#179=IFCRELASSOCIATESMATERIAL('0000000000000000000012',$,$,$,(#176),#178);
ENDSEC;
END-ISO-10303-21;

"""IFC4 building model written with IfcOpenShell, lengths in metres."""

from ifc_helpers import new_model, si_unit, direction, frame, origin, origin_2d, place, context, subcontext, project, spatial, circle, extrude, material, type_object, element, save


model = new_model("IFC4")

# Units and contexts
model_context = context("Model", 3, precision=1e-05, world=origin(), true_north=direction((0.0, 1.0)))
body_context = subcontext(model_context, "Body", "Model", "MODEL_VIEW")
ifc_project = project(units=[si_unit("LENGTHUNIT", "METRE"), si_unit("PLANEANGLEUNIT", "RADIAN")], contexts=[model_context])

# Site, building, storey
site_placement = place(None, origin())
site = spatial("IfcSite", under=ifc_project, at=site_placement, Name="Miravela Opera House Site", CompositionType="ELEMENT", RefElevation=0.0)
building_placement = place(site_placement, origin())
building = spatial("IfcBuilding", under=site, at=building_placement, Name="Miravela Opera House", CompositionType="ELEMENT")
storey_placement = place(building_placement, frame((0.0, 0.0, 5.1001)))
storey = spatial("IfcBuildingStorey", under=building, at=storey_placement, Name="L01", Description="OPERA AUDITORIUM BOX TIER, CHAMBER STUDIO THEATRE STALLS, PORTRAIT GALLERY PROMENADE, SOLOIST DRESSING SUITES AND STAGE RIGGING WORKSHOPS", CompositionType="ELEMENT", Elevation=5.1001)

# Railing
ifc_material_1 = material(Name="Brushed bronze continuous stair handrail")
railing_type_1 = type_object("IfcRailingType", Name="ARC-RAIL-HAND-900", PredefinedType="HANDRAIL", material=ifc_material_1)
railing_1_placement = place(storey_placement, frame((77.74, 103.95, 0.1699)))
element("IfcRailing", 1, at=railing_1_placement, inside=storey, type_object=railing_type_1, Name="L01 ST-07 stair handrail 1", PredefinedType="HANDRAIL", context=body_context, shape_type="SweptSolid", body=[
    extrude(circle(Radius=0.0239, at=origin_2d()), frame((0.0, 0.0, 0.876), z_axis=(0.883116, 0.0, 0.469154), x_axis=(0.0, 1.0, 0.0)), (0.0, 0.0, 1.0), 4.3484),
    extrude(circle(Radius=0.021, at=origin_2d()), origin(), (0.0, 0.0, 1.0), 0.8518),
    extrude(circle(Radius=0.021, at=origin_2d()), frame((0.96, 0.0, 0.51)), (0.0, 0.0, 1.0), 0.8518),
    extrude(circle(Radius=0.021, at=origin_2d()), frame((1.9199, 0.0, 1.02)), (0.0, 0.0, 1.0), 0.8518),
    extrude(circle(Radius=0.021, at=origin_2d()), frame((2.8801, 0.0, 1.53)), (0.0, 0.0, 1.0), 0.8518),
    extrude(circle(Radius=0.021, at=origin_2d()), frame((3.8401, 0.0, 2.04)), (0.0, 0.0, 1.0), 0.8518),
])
-------------------------
The entries are to be retyped in full, with no alteration.

* **EXERCISE ANSWER**:
#179=IFCRELASSOCIATESMATERIAL('0000000000000000000012',$,$,$,(#176),#178);
ENDSEC;
END-ISO-10303-21;

"""IFC4 building model written with IfcOpenShell, lengths in metres."""

from ifc_helpers import new_model, si_unit, direction, frame, origin, origin_2d, place, context, subcontext, project, spatial, circle, extrude, material, type_object, element, save


model = new_model("IFC4")

# Units and contexts
model_context = context("Model", 3, precision=1e-05, world=origin(), true_north=direction((0.0, 1.0)))
body_context = subcontext(model_context, "Body", "Model", "MODEL_VIEW")
ifc_project = project(units=[si_unit("LENGTHUNIT", "METRE"), si_unit("PLANEANGLEUNIT", "RADIAN")], contexts=[model_context])

# Site, building, storey
site_placement = place(None, origin())
site = spatial("IfcSite", under=ifc_project, at=site_placement, Name="Miravela Opera House Site", CompositionType="ELEMENT", RefElevation=0.0)
building_placement = place(site_placement, origin())
building = spatial("IfcBuilding", under=site, at=building_placement, Name="Miravela Opera House", CompositionType="ELEMENT")
storey_placement = place(building_placement, frame((0.0, 0.0, 5.1001)))
storey = spatial("IfcBuildingStorey", under=building, at=storey_placement, Name="L01", Description="OPERA AUDITORIUM BOX TIER, CHAMBER STUDIO THEATRE STALLS, PORTRAIT GALLERY PROMENADE, SOLOIST DRESSING SUITES AND STAGE RIGGING WORKSHOPS", CompositionType="ELEMENT", Elevation=5.1001)

# Railing
ifc_material_1 = material(Name="Brushed bronze continuous stair handrail")
railing_type_1 = type_object("IfcRailingType", Name="ARC-RAIL-HAND-900", PredefinedType="HANDRAIL", material=ifc_material_1)
railing_1_placement = place(storey_placement, frame((77.74, 103.95, 0.1699)))
element("IfcRailing", 1, at=railing_1_placement, inside=storey, type_object=railing_type_1, Name="L01 ST-07 stair handrail 1", PredefinedType="HANDRAIL", context=body_context, shape_type="SweptSolid", body=[
    extrude(circle(Radius=0.0239, at=origin_2d()), frame((0.0, 0.0, 0.876), z_axis=(0.883116, 0.0, 0.469154), x_axis=(0.0, 1.0, 0.0)), (0.0, 0.0, 1.0), 4.3484),
    extrude(circle(Radius=0.021, at=origin_2d()), origin(), (0.0, 0.0, 1.0), 0.8518),
    extrude(circle(Radius=0.021, at=origin_2d()), frame((0.96, 0.0, 0.51)), (0.0, 0.0, 1.0), 0.8518),
    extrude(circle(Radius=0.021, at=origin_2d()), frame((1.9199, 0.0, 1.02)), (0.0, 0.0, 1.0), 0.8518),
    extrude(circle(Radius=0.021, at=origin_2d()), frame((2.8801, 0.0, 1.53)), (0.0, 0.0, 1.0), 0.8518),
    extrude(circle(Radius=0.021, at=origin_2d()), frame((3.8401, 0.0, 2.04)), (0.0, 0.0, 1.0), 0.8518),
])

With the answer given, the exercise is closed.